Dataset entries
>>>>>
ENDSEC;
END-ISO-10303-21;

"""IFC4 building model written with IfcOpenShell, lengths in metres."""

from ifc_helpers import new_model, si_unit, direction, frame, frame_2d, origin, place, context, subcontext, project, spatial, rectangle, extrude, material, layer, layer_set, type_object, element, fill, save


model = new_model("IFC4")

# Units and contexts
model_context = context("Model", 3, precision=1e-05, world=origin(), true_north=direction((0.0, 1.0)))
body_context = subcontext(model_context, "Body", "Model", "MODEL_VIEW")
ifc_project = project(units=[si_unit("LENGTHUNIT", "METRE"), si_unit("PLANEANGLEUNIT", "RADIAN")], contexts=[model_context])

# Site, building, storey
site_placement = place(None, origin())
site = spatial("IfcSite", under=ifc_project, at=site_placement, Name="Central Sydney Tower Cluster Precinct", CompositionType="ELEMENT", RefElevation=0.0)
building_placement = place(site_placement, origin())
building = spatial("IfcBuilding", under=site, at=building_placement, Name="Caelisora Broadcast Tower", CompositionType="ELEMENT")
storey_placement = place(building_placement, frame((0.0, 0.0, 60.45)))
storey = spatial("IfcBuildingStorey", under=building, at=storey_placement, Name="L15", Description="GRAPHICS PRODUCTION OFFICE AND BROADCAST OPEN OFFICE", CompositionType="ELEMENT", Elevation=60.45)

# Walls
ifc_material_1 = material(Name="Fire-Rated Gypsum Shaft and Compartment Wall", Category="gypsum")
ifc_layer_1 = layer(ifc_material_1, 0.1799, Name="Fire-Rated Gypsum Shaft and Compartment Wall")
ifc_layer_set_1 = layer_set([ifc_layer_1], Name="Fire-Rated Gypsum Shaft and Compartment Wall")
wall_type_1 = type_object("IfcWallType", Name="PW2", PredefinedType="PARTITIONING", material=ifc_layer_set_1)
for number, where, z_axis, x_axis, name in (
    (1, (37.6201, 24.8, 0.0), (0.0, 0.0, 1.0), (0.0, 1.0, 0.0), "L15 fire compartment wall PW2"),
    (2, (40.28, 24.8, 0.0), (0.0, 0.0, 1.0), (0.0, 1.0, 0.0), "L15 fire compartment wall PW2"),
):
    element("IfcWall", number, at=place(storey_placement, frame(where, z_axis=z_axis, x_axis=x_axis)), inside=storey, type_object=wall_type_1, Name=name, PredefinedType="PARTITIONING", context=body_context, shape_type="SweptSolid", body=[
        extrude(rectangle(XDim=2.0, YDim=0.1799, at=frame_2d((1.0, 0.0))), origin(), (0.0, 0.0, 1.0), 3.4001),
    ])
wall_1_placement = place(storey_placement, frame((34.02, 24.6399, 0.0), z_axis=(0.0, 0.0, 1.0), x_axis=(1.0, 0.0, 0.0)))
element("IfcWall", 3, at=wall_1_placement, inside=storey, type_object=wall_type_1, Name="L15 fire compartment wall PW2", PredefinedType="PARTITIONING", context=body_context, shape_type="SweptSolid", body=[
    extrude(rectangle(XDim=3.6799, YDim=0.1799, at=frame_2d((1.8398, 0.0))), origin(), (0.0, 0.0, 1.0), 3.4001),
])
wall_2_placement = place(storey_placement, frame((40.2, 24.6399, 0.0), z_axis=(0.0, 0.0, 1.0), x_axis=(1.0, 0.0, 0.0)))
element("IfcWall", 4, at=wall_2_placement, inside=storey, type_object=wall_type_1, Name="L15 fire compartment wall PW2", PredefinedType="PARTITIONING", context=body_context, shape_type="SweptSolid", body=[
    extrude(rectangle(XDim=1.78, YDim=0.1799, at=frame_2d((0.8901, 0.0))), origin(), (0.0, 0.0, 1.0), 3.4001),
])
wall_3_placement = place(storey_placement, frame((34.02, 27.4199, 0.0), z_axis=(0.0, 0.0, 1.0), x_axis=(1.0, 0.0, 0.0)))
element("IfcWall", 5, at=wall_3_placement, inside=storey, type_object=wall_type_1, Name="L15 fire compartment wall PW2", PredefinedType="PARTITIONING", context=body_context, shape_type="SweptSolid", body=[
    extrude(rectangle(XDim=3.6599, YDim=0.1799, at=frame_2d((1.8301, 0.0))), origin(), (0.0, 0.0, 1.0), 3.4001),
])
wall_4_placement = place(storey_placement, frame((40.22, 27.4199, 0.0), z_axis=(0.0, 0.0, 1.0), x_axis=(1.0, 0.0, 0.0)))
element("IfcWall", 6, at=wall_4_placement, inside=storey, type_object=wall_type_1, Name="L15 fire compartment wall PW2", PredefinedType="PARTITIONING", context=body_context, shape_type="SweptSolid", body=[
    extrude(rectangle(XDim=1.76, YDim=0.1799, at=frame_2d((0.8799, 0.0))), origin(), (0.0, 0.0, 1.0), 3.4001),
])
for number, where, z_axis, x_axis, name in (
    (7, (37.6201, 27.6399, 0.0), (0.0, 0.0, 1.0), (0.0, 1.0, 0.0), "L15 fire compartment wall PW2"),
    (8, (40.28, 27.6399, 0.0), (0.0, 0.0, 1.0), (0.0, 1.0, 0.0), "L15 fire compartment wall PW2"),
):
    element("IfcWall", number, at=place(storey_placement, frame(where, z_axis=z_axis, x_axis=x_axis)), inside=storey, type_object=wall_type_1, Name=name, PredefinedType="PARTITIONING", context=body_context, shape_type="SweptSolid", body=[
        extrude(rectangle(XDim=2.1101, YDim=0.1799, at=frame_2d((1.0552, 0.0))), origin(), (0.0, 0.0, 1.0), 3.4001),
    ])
<<<<<
◆ Problem description
Search the records for the string "direction" and return every line in which it occurs.

◆ Result for this task
from ifc_helpers import new_model, si_unit, direction, frame, frame_2d, origin, place, context, subcontext, project, spatial, rectangle, extrude, material, layer, layer_set, type_object, element, fill, save
model_context = context("Model", 3, precision=1e-05, world=origin(), true_north=direction((0.0, 1.0)))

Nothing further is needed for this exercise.